▶ _Your assignment_: Your answer must be the records below, reproduced exactly.

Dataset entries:
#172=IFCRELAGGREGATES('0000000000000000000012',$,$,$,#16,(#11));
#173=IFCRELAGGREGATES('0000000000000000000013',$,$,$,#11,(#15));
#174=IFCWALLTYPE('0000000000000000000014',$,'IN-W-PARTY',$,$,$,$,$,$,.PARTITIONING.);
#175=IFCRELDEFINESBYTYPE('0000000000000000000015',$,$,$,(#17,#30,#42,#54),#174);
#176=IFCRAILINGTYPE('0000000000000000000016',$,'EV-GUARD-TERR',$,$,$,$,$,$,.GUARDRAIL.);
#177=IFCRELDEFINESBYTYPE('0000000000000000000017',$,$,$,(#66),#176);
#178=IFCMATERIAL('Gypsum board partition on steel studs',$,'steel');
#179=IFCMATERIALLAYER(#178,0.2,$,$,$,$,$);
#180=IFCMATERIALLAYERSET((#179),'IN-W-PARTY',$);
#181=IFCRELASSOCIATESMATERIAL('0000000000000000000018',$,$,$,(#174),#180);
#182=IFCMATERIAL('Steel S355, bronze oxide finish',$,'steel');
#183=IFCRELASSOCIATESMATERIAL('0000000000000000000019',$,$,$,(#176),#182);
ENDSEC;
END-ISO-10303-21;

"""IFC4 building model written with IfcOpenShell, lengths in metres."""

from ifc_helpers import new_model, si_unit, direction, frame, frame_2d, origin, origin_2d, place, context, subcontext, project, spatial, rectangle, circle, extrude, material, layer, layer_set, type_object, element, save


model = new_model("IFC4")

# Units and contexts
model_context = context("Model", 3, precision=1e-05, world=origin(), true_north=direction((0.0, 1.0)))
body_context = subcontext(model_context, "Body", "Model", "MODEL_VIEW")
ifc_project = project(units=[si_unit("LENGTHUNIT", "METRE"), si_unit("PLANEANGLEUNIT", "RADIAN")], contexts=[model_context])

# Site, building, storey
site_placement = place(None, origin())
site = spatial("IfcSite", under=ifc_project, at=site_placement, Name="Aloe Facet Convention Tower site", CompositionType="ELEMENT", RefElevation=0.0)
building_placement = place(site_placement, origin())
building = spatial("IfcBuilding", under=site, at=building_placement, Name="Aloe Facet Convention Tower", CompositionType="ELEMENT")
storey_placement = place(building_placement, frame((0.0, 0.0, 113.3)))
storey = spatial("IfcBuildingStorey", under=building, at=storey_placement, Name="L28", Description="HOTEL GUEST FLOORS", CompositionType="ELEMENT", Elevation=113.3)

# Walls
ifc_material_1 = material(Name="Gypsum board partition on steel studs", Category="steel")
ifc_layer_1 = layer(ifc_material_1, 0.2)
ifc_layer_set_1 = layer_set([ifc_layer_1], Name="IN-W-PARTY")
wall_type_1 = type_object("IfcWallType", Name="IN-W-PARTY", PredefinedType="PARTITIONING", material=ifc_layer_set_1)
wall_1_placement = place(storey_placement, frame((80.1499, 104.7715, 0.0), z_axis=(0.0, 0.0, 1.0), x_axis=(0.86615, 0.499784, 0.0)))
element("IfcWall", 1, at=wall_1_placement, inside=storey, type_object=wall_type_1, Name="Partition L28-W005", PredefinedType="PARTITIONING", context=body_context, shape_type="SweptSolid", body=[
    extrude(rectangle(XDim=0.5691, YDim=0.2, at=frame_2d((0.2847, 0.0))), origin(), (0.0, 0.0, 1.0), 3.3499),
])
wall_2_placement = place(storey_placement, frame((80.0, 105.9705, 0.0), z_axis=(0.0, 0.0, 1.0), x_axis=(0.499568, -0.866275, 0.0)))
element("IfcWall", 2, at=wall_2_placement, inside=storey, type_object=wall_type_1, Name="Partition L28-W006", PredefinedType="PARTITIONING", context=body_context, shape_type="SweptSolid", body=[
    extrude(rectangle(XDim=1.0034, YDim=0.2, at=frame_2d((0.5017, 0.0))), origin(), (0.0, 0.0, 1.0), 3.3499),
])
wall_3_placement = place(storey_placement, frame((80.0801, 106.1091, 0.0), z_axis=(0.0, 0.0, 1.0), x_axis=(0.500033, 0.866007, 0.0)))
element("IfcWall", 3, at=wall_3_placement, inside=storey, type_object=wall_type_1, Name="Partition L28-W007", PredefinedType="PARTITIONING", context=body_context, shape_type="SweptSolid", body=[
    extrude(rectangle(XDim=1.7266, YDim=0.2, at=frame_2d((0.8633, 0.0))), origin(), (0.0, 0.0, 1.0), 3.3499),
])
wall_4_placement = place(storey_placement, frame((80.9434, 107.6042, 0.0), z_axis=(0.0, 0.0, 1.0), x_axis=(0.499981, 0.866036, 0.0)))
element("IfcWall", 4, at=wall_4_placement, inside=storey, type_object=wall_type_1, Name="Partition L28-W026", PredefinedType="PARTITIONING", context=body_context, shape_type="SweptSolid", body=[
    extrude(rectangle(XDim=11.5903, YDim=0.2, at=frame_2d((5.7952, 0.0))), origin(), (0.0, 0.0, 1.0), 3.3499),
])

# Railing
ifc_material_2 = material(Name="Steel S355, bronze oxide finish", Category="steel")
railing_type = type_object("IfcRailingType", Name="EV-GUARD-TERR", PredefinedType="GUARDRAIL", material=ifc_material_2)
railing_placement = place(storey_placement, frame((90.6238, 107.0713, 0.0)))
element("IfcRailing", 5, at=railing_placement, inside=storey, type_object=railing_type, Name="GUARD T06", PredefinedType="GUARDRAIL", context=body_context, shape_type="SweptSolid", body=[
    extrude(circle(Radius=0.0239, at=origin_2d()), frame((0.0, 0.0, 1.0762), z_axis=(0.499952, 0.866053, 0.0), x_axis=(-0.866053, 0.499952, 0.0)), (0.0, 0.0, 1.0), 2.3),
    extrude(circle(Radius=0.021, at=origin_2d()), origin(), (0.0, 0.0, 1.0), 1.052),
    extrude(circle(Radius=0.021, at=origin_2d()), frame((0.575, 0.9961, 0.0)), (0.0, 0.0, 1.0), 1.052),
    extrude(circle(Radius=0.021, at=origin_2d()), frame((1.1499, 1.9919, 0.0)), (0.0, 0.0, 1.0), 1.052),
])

▶ _Your solution_:
#172=IFCRELAGGREGATES('0000000000000000000012',$,$,$,#16,(#11));
#173=IFCRELAGGREGATES('0000000000000000000013',$,$,$,#11,(#15));
#174=IFCWALLTYPE('0000000000000000000014',$,'IN-W-PARTY',$,$,$,$,$,$,.PARTITIONING.);
#175=IFCRELDEFINESBYTYPE('0000000000000000000015',$,$,$,(#17,#30,#42,#54),#174);
#176=IFCRAILINGTYPE('0000000000000000000016',$,'EV-GUARD-TERR',$,$,$,$,$,$,.GUARDRAIL.);
#177=IFCRELDEFINESBYTYPE('0000000000000000000017',$,$,$,(#66),#176);
#178=IFCMATERIAL('Gypsum board partition on steel studs',$,'steel');
#179=IFCMATERIALLAYER(#178,0.2,$,$,$,$,$);
#180=IFCMATERIALLAYERSET((#179),'IN-W-PARTY',$);
#181=IFCRELASSOCIATESMATERIAL('0000000000000000000018',$,$,$,(#174),#180);
#182=IFCMATERIAL('Steel S355, bronze oxide finish',$,'steel');
#183=IFCRELASSOCIATESMATERIAL('0000000000000000000019',$,$,$,(#176),#182);
ENDSEC;
END-ISO-10303-21;

"""IFC4 building model written with IfcOpenShell, lengths in metres."""

from ifc_helpers import new_model, si_unit, direction, frame, frame_2d, origin, origin_2d, place, context, subcontext, project, spatial, rectangle, circle, extrude, material, layer, layer_set, type_object, element, save


model = new_model("IFC4")

# Units and contexts
model_context = context("Model", 3, precision=1e-05, world=origin(), true_north=direction((0.0, 1.0)))
body_context = subcontext(model_context, "Body", "Model", "MODEL_VIEW")
ifc_project = project(units=[si_unit("LENGTHUNIT", "METRE"), si_unit("PLANEANGLEUNIT", "RADIAN")], contexts=[model_context])

# Site, building, storey
site_placement = place(None, origin())
site = spatial("IfcSite", under=ifc_project, at=site_placement, Name="Aloe Facet Convention Tower site", CompositionType="ELEMENT", RefElevation=0.0)
building_placement = place(site_placement, origin())
building = spatial("IfcBuilding", under=site, at=building_placement, Name="Aloe Facet Convention Tower", CompositionType="ELEMENT")
storey_placement = place(building_placement, frame((0.0, 0.0, 113.3)))
storey = spatial("IfcBuildingStorey", under=building, at=storey_placement, Name="L28", Description="HOTEL GUEST FLOORS", CompositionType="ELEMENT", Elevation=113.3)

# Walls
ifc_material_1 = material(Name="Gypsum board partition on steel studs", Category="steel")
ifc_layer_1 = layer(ifc_material_1, 0.2)
ifc_layer_set_1 = layer_set([ifc_layer_1], Name="IN-W-PARTY")
wall_type_1 = type_object("IfcWallType", Name="IN-W-PARTY", PredefinedType="PARTITIONING", material=ifc_layer_set_1)
wall_1_placement = place(storey_placement, frame((80.1499, 104.7715, 0.0), z_axis=(0.0, 0.0, 1.0), x_axis=(0.86615, 0.499784, 0.0)))
element("IfcWall", 1, at=wall_1_placement, inside=storey, type_object=wall_type_1, Name="Partition L28-W005", PredefinedType="PARTITIONING", context=body_context, shape_type="SweptSolid", body=[
    extrude(rectangle(XDim=0.5691, YDim=0.2, at=frame_2d((0.2847, 0.0))), origin(), (0.0, 0.0, 1.0), 3.3499),
])
wall_2_placement = place(storey_placement, frame((80.0, 105.9705, 0.0), z_axis=(0.0, 0.0, 1.0), x_axis=(0.499568, -0.866275, 0.0)))
element("IfcWall", 2, at=wall_2_placement, inside=storey, type_object=wall_type_1, Name="Partition L28-W006", PredefinedType="PARTITIONING", context=body_context, shape_type="SweptSolid", body=[
    extrude(rectangle(XDim=1.0034, YDim=0.2, at=frame_2d((0.5017, 0.0))), origin(), (0.0, 0.0, 1.0), 3.3499),
])
wall_3_placement = place(storey_placement, frame((80.0801, 106.1091, 0.0), z_axis=(0.0, 0.0, 1.0), x_axis=(0.500033, 0.866007, 0.0)))
element("IfcWall", 3, at=wall_3_placement, inside=storey, type_object=wall_type_1, Name="Partition L28-W007", PredefinedType="PARTITIONING", context=body_context, shape_type="SweptSolid", body=[
    extrude(rectangle(XDim=1.7266, YDim=0.2, at=frame_2d((0.8633, 0.0))), origin(), (0.0, 0.0, 1.0), 3.3499),
])
wall_4_placement = place(storey_placement, frame((80.9434, 107.6042, 0.0), z_axis=(0.0, 0.0, 1.0), x_axis=(0.499981, 0.866036, 0.0)))
element("IfcWall", 4, at=wall_4_placement, inside=storey, type_object=wall_type_1, Name="Partition L28-W026", PredefinedType="PARTITIONING", context=body_context, shape_type="SweptSolid", body=[
    extrude(rectangle(XDim=11.5903, YDim=0.2, at=frame_2d((5.7952, 0.0))), origin(), (0.0, 0.0, 1.0), 3.3499),
])

# Railing
ifc_material_2 = material(Name="Steel S355, bronze oxide finish", Category="steel")
railing_type = type_object("IfcRailingType", Name="EV-GUARD-TERR", PredefinedType="GUARDRAIL", material=ifc_material_2)
railing_placement = place(storey_placement, frame((90.6238, 107.0713, 0.0)))
element("IfcRailing", 5, at=railing_placement, inside=storey, type_object=railing_type, Name="GUARD T06", PredefinedType="GUARDRAIL", context=body_context, shape_type="SweptSolid", body=[
    extrude(circle(Radius=0.0239, at=origin_2d()), frame((0.0, 0.0, 1.0762), z_axis=(0.499952, 0.866053, 0.0), x_axis=(-0.866053, 0.499952, 0.0)), (0.0, 0.0, 1.0), 2.3),
    extrude(circle(Radius=0.021, at=origin_2d()), origin(), (0.0, 0.0, 1.0), 1.052),
    extrude(circle(Radius=0.021, at=origin_2d()), frame((0.575, 0.9961, 0.0)), (0.0, 0.0, 1.0), 1.052),
    extrude(circle(Radius=0.021, at=origin_2d()), frame((1.1499, 1.9919, 0.0)), (0.0, 0.0, 1.0), 1.052),
])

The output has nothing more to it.